Top of Data provided
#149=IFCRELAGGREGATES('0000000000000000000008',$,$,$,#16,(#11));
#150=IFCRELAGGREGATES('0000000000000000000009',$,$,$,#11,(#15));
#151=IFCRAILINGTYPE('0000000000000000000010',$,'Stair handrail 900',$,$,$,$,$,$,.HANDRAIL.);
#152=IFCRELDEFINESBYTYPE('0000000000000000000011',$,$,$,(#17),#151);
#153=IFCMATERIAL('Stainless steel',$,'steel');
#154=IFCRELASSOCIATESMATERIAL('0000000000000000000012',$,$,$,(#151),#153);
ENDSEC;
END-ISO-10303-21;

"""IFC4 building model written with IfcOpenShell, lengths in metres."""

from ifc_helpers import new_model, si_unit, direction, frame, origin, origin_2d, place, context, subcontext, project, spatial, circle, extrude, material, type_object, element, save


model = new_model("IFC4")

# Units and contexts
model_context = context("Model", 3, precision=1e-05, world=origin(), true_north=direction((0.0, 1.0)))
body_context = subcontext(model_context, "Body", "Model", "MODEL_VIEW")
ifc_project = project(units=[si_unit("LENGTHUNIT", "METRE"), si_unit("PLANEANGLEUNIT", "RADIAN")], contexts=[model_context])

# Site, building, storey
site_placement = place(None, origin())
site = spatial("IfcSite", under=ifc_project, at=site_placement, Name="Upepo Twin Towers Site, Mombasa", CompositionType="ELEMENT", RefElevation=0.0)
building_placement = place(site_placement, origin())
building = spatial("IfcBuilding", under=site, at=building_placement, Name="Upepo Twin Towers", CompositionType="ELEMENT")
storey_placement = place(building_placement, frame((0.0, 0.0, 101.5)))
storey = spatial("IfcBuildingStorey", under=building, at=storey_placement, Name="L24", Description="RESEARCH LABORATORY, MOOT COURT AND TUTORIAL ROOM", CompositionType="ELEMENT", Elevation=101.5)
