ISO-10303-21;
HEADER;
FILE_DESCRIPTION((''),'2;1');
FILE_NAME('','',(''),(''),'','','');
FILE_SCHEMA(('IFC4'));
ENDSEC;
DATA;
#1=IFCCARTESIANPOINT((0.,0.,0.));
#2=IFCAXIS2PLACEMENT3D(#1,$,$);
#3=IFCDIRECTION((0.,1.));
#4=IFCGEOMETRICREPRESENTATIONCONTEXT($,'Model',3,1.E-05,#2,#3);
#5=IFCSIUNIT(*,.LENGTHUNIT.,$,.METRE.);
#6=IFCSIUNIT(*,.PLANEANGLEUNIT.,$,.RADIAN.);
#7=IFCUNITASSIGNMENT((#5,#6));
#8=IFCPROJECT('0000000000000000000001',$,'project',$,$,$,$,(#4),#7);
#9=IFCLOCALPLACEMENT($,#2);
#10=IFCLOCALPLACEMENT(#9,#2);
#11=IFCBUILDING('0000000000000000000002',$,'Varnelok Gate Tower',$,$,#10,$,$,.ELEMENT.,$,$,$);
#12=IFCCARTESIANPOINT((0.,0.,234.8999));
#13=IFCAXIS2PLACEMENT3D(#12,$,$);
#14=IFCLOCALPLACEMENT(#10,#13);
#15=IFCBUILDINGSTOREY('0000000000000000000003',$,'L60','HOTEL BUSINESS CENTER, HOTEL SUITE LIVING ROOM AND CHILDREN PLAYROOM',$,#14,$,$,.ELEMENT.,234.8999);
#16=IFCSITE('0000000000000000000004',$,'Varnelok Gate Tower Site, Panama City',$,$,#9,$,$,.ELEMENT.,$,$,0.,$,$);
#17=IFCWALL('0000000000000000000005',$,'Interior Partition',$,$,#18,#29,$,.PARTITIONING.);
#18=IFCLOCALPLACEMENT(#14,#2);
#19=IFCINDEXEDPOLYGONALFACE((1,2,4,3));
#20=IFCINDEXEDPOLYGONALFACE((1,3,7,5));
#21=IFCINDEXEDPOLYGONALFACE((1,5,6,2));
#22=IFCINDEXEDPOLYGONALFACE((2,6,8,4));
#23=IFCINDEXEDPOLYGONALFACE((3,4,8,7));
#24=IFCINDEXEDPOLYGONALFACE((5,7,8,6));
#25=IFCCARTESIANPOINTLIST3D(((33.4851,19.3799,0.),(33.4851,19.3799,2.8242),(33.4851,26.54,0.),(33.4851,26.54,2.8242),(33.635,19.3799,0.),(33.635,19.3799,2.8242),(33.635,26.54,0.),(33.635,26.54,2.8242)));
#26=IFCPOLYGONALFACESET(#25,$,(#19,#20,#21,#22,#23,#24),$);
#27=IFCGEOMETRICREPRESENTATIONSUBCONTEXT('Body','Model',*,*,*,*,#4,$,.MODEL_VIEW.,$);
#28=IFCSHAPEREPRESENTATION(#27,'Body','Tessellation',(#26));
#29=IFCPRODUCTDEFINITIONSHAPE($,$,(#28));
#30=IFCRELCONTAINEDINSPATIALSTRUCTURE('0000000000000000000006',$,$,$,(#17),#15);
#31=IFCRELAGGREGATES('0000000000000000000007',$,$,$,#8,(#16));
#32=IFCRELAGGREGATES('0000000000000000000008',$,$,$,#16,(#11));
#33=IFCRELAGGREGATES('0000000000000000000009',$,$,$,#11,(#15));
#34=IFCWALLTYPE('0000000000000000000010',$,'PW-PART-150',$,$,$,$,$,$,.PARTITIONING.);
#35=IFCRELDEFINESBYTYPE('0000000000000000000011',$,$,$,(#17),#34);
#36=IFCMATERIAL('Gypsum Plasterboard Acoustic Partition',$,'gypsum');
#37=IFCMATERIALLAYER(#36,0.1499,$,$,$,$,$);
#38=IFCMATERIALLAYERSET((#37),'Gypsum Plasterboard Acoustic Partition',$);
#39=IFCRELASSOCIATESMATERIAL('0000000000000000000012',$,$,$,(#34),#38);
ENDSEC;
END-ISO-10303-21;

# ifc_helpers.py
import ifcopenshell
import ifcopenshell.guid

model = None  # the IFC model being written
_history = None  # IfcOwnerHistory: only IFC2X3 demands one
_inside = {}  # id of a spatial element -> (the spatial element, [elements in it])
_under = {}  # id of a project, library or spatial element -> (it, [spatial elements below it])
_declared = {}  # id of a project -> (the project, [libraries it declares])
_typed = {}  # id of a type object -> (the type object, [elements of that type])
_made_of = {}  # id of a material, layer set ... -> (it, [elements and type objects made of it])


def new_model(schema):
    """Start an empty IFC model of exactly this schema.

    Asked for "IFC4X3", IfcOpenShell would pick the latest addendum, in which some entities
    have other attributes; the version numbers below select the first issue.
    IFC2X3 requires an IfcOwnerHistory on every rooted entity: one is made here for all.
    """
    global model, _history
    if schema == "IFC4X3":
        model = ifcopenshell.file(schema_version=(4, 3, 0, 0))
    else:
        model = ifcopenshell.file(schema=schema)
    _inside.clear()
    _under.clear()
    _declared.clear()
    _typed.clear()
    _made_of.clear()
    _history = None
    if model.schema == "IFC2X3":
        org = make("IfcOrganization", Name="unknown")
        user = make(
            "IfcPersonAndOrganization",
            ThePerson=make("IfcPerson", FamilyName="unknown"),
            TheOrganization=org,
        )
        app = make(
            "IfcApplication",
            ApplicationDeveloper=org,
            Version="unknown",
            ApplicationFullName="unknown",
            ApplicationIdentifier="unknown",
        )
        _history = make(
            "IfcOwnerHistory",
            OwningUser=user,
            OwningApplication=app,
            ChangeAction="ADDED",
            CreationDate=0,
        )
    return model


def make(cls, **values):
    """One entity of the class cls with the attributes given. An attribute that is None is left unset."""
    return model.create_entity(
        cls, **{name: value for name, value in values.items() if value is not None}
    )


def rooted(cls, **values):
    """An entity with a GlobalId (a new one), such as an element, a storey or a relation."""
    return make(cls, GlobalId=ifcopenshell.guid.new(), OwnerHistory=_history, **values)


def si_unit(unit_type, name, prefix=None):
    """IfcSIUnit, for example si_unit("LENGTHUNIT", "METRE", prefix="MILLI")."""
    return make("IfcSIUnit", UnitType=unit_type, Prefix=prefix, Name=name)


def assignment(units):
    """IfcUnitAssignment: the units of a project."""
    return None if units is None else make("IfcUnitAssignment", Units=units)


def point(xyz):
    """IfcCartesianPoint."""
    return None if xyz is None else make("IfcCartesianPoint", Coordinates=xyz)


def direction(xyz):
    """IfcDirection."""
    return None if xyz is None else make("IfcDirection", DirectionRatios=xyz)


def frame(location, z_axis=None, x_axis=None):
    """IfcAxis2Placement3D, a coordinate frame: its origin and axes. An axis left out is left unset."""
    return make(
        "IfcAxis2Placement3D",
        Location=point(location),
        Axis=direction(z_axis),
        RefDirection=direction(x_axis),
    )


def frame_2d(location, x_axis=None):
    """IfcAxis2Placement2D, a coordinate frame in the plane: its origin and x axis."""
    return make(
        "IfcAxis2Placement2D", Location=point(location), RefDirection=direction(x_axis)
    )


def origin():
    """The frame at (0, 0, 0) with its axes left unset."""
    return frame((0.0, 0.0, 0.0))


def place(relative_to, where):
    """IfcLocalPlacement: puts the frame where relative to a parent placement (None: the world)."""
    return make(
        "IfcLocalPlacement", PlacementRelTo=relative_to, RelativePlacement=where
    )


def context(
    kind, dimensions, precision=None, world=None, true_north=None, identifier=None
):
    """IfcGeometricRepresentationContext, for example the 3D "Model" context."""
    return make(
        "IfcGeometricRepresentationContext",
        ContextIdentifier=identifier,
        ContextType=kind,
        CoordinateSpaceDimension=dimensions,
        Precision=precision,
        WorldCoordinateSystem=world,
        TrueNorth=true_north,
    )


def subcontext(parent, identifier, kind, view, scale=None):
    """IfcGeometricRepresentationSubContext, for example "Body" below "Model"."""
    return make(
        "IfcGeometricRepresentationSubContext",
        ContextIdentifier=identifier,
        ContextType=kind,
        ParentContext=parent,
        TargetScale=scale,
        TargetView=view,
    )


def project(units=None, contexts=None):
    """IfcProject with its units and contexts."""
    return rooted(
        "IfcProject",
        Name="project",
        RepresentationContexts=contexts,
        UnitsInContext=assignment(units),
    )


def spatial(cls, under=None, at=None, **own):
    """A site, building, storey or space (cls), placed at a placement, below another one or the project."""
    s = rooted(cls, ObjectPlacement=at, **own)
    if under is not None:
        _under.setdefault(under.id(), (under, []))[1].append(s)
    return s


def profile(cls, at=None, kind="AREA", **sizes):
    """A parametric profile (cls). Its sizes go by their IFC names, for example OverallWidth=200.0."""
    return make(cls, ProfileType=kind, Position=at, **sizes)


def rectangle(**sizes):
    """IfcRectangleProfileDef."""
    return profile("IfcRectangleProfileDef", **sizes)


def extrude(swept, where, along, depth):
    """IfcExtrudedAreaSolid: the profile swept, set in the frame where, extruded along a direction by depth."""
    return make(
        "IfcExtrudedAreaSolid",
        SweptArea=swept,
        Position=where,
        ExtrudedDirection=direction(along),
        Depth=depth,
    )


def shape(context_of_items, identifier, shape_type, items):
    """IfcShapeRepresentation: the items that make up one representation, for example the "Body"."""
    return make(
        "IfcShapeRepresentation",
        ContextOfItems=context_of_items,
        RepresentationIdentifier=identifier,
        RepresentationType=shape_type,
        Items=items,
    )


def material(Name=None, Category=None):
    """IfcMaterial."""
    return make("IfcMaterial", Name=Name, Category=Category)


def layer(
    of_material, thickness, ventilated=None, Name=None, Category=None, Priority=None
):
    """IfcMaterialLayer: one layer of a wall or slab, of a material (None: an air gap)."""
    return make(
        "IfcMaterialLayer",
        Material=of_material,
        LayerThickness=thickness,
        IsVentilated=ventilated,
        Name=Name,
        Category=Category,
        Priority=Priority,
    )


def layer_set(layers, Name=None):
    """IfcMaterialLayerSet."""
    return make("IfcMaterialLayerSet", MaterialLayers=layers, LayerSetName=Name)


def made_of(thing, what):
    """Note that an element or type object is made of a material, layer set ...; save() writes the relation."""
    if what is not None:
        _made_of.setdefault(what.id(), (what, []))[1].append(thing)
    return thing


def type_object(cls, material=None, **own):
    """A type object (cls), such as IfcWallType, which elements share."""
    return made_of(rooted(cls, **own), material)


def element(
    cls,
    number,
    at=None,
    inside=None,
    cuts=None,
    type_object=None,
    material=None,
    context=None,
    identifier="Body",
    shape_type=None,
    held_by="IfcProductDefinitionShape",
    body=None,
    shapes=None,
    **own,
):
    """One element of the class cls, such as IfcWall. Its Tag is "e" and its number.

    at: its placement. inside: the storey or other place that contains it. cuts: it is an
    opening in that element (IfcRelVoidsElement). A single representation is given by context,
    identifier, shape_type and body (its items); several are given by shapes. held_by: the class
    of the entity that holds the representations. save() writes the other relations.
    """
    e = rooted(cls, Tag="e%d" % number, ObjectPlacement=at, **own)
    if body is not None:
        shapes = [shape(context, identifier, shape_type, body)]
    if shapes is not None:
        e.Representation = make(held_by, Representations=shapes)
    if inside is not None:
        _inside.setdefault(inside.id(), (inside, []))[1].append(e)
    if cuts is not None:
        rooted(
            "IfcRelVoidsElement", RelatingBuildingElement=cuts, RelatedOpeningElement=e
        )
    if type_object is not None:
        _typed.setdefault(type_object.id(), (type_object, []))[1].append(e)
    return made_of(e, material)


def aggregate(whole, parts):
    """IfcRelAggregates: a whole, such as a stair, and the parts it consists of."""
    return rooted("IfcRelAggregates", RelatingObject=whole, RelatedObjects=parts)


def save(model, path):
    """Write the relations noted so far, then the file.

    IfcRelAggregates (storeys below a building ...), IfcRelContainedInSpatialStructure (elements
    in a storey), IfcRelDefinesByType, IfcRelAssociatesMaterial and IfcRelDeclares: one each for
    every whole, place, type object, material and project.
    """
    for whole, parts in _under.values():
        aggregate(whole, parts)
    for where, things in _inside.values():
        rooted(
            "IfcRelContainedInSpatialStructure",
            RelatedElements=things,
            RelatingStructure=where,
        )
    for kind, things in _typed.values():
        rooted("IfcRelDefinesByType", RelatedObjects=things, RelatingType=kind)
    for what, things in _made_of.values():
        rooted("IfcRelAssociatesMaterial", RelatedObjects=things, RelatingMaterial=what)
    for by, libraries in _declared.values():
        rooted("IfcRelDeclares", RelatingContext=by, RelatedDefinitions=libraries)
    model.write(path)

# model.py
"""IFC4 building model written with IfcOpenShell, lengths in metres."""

from ifc_helpers import new_model, si_unit, direction, frame, frame_2d, origin, place, context, subcontext, project, spatial, rectangle, extrude, material, layer, layer_set, type_object, element, save


model = new_model("IFC4")

# Units and contexts
model_context = context("Model", 3, precision=1e-05, world=origin(), true_north=direction((0.0, 1.0)))
body_context = subcontext(model_context, "Body", "Model", "MODEL_VIEW")
ifc_project = project(units=[si_unit("LENGTHUNIT", "METRE"), si_unit("PLANEANGLEUNIT", "RADIAN")], contexts=[model_context])

# Site, building, storey
site_placement = place(None, origin())
site = spatial("IfcSite", under=ifc_project, at=site_placement, Name="Varnelok Gate Tower Site, Panama City", CompositionType="ELEMENT", RefElevation=0.0)
building_placement = place(site_placement, origin())
building = spatial("IfcBuilding", under=site, at=building_placement, Name="Varnelok Gate Tower", CompositionType="ELEMENT")
storey_placement = place(building_placement, frame((0.0, 0.0, 234.8999)))
storey = spatial("IfcBuildingStorey", under=building, at=storey_placement, Name="L60", Description="HOTEL BUSINESS CENTER, HOTEL SUITE LIVING ROOM AND CHILDREN PLAYROOM", CompositionType="ELEMENT", Elevation=234.8999)

# Shared definitions
ifc_material_1 = material(Name="Gypsum Plasterboard Acoustic Partition", Category="gypsum")

# Shared definitions
ifc_layer_1 = layer(ifc_material_1, 0.1499)
ifc_layer_set_1 = layer_set([ifc_layer_1], Name="Gypsum Plasterboard Acoustic Partition")
wall_type_1 = type_object("IfcWallType", Name="PW-PART-150", PredefinedType="PARTITIONING", material=ifc_layer_set_1)

# Wall
wall_1_placement = place(storey_placement, frame((33.5601, 19.3799, 0.0), z_axis=(0.0, 0.0, 1.0), x_axis=(0.0, 1.0, 0.0)))
element("IfcWall", 1, at=wall_1_placement, inside=storey, type_object=wall_type_1, Name="Interior Partition", PredefinedType="PARTITIONING", context=body_context, shape_type="SweptSolid", body=[
    extrude(rectangle(XDim=7.1602, YDim=0.1499, at=frame_2d((3.5801, 0.0))), origin(), (0.0, 0.0, 1.0), 2.8242),
])

save(model, "model.ifc")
Bottom of Data provided
* Problem statement *
All lines with the word "scale" should be copied from the material above.

* Written answer *
def subcontext(parent, identifier, kind, view, scale=None):
        TargetScale=scale,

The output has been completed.